◆ **Problem**: In the listing below, how many lines contain "IFCRELAGGREGATES"? Answer with the number alone.

# # # #

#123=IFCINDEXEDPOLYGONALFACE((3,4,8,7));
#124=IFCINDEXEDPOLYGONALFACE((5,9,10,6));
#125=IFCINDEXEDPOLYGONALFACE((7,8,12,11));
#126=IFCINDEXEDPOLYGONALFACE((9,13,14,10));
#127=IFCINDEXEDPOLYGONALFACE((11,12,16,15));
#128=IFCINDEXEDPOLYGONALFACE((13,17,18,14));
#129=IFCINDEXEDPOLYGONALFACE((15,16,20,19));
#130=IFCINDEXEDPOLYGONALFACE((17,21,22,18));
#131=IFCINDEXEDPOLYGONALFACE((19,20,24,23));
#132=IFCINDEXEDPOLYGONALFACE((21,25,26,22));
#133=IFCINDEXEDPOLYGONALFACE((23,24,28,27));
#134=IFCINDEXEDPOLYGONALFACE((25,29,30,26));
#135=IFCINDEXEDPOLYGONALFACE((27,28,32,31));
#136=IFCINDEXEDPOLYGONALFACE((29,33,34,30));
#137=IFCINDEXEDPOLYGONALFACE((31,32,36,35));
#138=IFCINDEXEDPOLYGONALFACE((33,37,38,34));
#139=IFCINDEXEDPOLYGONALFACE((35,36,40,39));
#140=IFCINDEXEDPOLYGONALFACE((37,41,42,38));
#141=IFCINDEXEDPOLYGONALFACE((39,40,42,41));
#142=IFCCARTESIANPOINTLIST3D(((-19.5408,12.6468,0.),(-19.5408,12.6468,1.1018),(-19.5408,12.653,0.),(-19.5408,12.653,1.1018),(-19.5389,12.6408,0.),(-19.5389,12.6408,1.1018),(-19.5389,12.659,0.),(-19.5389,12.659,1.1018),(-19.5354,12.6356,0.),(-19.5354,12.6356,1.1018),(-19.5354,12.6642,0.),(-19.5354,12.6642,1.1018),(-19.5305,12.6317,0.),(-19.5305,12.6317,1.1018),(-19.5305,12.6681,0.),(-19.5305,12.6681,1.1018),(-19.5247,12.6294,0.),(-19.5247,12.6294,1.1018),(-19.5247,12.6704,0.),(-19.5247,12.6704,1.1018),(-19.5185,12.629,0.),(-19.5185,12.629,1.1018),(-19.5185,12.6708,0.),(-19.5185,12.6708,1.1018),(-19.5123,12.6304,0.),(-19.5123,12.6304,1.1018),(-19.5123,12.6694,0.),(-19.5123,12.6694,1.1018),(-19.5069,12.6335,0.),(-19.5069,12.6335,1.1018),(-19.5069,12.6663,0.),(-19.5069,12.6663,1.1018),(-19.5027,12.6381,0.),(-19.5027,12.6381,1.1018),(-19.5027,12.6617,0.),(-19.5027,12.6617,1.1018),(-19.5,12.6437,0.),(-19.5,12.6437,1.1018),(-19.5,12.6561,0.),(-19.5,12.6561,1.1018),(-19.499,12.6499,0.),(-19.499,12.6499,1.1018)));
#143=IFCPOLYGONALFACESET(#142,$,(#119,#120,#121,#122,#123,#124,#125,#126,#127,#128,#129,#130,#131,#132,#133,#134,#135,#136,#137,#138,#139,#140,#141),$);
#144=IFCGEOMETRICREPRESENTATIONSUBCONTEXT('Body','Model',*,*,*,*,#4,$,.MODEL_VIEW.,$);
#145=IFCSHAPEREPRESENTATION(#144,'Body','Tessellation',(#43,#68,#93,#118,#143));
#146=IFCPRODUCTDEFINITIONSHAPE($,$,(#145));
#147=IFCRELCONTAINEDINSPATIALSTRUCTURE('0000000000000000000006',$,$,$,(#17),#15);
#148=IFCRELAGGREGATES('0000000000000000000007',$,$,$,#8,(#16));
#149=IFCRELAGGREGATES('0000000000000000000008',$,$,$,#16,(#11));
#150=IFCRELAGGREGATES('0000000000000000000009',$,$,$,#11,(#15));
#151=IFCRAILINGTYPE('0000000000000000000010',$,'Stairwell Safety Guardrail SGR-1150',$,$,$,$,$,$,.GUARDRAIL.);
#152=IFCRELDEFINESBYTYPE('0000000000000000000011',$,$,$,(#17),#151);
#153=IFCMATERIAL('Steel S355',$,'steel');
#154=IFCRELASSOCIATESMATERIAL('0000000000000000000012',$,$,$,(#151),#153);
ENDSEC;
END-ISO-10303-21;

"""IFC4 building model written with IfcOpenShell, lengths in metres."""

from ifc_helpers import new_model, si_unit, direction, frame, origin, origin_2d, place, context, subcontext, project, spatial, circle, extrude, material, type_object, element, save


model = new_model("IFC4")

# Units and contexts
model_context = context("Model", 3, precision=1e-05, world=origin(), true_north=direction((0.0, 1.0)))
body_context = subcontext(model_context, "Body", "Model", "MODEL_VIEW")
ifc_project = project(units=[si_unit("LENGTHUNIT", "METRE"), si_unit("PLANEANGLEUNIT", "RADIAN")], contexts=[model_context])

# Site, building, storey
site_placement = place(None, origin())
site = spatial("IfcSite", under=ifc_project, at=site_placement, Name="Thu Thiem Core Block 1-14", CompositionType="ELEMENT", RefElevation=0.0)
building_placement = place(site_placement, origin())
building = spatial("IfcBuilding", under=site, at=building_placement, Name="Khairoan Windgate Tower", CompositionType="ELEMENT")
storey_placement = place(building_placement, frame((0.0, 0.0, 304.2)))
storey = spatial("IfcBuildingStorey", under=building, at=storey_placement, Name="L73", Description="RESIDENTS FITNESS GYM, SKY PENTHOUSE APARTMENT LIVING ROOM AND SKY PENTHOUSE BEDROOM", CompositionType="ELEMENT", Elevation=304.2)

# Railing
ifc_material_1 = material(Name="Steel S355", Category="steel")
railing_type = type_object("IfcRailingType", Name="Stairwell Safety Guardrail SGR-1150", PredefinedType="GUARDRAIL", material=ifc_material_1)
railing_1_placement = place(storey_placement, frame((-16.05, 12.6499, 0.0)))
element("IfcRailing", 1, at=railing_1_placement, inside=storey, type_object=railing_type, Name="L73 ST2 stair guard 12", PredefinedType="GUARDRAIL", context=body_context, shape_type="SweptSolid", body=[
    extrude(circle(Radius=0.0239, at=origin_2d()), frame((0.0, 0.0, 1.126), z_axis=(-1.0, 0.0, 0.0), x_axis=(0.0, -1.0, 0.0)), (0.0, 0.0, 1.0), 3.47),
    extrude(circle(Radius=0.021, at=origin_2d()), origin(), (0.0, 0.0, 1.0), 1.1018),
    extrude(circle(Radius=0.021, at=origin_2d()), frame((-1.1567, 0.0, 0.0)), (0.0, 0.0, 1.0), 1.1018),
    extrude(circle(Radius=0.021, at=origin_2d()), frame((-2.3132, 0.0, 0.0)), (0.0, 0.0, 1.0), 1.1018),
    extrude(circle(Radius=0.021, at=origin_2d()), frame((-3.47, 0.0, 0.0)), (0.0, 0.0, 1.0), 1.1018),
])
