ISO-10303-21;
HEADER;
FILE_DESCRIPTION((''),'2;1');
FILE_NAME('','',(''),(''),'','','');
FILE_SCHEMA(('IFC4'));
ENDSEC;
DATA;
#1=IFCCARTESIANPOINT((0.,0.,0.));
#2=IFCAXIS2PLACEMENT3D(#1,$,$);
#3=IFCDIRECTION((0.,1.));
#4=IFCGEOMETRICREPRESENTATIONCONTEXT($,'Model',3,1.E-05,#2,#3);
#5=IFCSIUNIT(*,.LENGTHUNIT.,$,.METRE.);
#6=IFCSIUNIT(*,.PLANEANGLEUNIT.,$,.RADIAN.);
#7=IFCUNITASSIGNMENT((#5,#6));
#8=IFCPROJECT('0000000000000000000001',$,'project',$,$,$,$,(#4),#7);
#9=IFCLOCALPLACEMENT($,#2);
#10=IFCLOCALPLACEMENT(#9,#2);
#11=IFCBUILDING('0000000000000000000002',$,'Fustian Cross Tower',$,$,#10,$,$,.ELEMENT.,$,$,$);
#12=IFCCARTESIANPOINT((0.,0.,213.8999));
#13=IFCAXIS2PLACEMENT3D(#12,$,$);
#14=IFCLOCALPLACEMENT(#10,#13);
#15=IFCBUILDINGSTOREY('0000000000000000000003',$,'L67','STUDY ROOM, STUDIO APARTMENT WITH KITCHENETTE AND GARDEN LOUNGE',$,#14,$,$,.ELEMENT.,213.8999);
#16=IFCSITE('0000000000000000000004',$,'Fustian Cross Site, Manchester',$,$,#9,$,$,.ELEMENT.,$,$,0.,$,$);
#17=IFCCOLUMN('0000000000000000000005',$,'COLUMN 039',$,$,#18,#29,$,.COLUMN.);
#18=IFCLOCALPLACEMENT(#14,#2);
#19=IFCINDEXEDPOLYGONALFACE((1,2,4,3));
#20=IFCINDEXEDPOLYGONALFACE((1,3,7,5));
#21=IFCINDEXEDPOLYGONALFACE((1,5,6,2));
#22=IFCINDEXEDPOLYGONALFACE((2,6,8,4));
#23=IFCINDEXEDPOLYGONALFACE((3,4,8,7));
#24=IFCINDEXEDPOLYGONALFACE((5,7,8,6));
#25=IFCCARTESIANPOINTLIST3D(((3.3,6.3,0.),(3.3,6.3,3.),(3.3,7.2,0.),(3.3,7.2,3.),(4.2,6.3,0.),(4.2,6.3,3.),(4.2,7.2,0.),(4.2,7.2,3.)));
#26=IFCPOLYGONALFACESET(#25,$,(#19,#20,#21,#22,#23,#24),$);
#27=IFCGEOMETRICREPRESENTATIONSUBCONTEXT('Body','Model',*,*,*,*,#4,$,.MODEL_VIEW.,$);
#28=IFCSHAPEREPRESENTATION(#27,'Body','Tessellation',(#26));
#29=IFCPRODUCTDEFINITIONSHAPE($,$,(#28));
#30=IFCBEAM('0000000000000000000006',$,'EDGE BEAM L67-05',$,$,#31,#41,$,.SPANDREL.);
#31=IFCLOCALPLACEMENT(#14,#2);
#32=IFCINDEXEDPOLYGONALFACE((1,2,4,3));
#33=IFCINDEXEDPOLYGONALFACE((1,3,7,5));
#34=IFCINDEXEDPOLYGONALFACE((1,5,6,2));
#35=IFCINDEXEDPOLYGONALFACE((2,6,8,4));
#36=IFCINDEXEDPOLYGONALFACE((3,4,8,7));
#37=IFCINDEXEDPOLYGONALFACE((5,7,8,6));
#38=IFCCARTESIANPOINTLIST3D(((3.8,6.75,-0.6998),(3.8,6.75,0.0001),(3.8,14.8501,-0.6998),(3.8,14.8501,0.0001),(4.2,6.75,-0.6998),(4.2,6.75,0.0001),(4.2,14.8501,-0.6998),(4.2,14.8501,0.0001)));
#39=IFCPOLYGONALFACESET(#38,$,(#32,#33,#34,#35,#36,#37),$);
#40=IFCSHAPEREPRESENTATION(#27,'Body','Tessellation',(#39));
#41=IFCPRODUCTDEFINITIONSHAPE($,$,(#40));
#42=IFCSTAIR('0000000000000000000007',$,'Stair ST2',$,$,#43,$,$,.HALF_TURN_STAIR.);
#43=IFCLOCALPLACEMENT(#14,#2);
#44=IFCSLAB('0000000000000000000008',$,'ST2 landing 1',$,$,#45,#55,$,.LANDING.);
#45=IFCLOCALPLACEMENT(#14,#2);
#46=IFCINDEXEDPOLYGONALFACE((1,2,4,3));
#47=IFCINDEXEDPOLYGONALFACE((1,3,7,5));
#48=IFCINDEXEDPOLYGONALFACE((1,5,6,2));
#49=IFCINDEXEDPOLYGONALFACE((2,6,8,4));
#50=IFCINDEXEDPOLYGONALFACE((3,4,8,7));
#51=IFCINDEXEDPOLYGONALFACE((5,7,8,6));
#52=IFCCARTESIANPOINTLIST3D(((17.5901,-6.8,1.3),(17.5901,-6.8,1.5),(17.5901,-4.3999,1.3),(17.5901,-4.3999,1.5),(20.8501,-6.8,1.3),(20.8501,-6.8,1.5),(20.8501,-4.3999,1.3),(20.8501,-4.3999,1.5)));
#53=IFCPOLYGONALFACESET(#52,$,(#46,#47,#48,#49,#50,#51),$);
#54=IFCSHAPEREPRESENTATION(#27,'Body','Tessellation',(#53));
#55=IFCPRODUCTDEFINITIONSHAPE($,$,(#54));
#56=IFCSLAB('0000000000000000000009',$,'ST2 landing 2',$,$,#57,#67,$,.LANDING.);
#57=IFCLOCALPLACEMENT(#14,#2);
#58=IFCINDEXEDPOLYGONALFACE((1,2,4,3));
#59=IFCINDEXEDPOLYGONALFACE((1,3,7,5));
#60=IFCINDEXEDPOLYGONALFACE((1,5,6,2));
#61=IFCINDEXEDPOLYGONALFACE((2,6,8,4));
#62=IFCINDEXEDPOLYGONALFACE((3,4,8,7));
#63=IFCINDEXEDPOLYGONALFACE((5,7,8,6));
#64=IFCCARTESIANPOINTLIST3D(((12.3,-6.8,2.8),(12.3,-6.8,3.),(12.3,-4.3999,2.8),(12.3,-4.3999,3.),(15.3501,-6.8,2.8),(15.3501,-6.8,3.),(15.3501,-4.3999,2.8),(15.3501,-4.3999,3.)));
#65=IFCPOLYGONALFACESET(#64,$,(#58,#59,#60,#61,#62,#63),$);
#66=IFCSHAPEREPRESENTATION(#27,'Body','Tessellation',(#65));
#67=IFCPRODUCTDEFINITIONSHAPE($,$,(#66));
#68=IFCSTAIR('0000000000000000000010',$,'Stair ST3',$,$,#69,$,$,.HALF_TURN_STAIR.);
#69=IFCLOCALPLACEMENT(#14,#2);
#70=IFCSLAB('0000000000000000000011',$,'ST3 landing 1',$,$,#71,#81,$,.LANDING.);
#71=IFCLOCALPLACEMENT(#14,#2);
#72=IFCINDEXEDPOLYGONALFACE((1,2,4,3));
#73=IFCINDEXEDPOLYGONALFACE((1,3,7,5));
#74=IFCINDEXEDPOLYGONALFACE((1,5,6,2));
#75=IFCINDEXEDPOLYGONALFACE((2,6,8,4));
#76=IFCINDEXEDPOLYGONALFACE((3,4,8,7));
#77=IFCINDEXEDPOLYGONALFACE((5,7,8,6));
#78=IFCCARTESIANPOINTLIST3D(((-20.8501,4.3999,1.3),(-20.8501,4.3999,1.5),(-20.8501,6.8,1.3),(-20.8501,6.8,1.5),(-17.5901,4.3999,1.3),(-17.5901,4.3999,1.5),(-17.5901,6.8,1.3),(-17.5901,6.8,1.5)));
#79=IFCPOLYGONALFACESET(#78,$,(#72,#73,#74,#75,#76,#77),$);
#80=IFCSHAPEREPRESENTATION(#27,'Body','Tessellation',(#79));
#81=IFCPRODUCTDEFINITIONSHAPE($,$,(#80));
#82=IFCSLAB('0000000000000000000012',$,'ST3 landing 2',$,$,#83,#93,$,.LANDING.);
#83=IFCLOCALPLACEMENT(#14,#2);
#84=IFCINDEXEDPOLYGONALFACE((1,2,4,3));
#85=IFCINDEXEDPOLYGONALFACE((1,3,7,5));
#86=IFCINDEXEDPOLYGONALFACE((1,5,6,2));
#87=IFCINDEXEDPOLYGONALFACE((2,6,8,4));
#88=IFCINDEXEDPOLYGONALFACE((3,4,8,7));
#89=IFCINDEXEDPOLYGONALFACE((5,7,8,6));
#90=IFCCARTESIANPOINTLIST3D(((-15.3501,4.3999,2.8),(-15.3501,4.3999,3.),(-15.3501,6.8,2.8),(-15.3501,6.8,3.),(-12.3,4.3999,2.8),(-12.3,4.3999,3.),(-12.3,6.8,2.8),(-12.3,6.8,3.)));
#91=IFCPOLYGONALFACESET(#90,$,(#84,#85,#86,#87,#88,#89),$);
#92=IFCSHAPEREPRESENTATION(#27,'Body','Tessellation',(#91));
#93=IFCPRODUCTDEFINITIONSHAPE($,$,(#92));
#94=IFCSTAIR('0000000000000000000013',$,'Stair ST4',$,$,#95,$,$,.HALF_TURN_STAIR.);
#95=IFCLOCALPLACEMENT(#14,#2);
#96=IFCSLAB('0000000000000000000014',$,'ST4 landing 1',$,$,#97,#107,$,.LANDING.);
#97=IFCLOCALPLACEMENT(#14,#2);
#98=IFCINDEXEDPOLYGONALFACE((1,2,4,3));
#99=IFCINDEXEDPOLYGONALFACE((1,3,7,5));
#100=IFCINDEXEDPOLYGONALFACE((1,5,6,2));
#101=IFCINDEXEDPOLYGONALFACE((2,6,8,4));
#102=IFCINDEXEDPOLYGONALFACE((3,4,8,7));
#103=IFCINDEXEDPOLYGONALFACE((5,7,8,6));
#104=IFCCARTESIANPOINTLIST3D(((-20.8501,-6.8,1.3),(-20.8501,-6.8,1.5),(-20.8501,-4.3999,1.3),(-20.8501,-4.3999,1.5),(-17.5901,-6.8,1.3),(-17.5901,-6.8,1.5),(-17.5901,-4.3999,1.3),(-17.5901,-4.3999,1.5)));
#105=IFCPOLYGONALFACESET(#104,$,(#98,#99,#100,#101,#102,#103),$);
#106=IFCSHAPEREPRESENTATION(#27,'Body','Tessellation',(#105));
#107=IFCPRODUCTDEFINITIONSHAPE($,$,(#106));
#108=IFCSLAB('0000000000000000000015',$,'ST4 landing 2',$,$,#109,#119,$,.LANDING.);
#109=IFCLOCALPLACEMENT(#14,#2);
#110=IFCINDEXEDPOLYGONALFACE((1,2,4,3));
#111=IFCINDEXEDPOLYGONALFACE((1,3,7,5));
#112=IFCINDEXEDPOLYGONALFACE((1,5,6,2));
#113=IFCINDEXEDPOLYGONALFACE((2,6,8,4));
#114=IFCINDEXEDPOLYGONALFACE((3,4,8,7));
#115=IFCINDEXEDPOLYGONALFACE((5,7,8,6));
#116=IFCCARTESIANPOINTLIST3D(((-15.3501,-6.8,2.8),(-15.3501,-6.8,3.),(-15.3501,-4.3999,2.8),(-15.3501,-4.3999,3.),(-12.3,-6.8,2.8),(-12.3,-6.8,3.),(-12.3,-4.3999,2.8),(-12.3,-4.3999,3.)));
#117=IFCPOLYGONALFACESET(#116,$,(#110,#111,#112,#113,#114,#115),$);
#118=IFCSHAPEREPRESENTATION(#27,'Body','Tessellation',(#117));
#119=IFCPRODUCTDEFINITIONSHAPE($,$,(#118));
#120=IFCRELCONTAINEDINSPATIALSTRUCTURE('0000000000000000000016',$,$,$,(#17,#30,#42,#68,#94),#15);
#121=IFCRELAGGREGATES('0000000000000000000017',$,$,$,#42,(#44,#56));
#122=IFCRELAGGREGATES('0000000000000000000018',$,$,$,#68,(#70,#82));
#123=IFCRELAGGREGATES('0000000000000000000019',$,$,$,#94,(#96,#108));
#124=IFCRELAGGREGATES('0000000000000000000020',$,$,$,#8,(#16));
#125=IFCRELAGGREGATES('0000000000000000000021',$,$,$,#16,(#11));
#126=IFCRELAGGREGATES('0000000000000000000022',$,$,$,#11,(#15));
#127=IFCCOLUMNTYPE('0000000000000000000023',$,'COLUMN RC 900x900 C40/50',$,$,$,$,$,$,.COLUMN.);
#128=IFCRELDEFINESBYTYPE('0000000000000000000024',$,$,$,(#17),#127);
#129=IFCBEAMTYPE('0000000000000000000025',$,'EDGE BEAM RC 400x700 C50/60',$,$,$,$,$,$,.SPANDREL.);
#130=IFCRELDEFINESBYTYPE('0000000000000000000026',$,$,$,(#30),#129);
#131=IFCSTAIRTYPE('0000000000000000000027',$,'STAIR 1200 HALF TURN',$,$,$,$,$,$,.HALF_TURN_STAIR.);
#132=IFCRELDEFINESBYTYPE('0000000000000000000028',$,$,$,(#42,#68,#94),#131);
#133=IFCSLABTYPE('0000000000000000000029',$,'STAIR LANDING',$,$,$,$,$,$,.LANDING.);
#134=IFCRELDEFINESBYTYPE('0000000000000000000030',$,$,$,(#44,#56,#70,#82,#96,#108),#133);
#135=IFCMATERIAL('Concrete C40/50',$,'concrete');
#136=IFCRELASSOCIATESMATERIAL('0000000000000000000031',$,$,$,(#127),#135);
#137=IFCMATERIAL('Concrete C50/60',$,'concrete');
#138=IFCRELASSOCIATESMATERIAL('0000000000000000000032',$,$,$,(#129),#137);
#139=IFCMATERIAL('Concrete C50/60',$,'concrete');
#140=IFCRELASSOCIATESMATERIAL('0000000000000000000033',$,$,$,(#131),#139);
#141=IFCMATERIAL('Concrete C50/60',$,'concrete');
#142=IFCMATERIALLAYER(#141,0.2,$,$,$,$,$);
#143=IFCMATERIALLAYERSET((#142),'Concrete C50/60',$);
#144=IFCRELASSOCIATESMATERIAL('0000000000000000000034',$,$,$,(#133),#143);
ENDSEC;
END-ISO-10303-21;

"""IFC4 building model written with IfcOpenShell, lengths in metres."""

from ifc_helpers import new_model, si_unit, direction, frame, origin, origin_2d, place, context, subcontext, project, spatial, polyline, rectangle, outline, extrude, material, layer, layer_set, material_profile, profile_set, type_object, element, aggregate, save


model = new_model("IFC4")

# Units and contexts
model_context = context("Model", 3, precision=1e-05, world=origin(), true_north=direction((0.0, 1.0)))
body_context = subcontext(model_context, "Body", "Model", "MODEL_VIEW")
ifc_project = project(units=[si_unit("LENGTHUNIT", "METRE"), si_unit("PLANEANGLEUNIT", "RADIAN")], contexts=[model_context])

# Site, building, storey
site_placement = place(None, origin())
site = spatial("IfcSite", under=ifc_project, at=site_placement, Name="Fustian Cross Site, Manchester", CompositionType="ELEMENT", RefElevation=0.0)
building_placement = place(site_placement, origin())
building = spatial("IfcBuilding", under=site, at=building_placement, Name="Fustian Cross Tower", CompositionType="ELEMENT")
storey_placement = place(building_placement, frame((0.0, 0.0, 213.8999)))
storey = spatial("IfcBuildingStorey", under=building, at=storey_placement, Name="L67", Description="STUDY ROOM, STUDIO APARTMENT WITH KITCHENETTE AND GARDEN LOUNGE", CompositionType="ELEMENT", Elevation=213.8999)

# Column
ifc_material_1 = material(Name="Concrete C40/50", Category="concrete")
ifc_material_profile_1 = material_profile(ifc_material_1, rectangle(XDim=0.8999, YDim=0.8999, at=origin_2d()), Name="RC 900x900")
ifc_profile_set_1 = profile_set([ifc_material_profile_1], Name="Concrete C40/50")
column_type = type_object("IfcColumnType", Name="COLUMN RC 900x900 C40/50", PredefinedType="COLUMN", material=ifc_profile_set_1)
column_placement = place(storey_placement, frame((3.75, 6.75, 0.0), z_axis=(0.0, 0.0, 1.0), x_axis=(1.0, 0.0, 0.0)))
element("IfcColumn", 1, at=column_placement, inside=storey, type_object=column_type, Name="COLUMN 039", PredefinedType="COLUMN", context=body_context, shape_type="SweptSolid", body=[
    extrude(rectangle(XDim=0.8999, YDim=0.8999, at=origin_2d()), origin(), (0.0, 0.0, 1.0), 3.0),
])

# # # #

◆ **Output below**: 9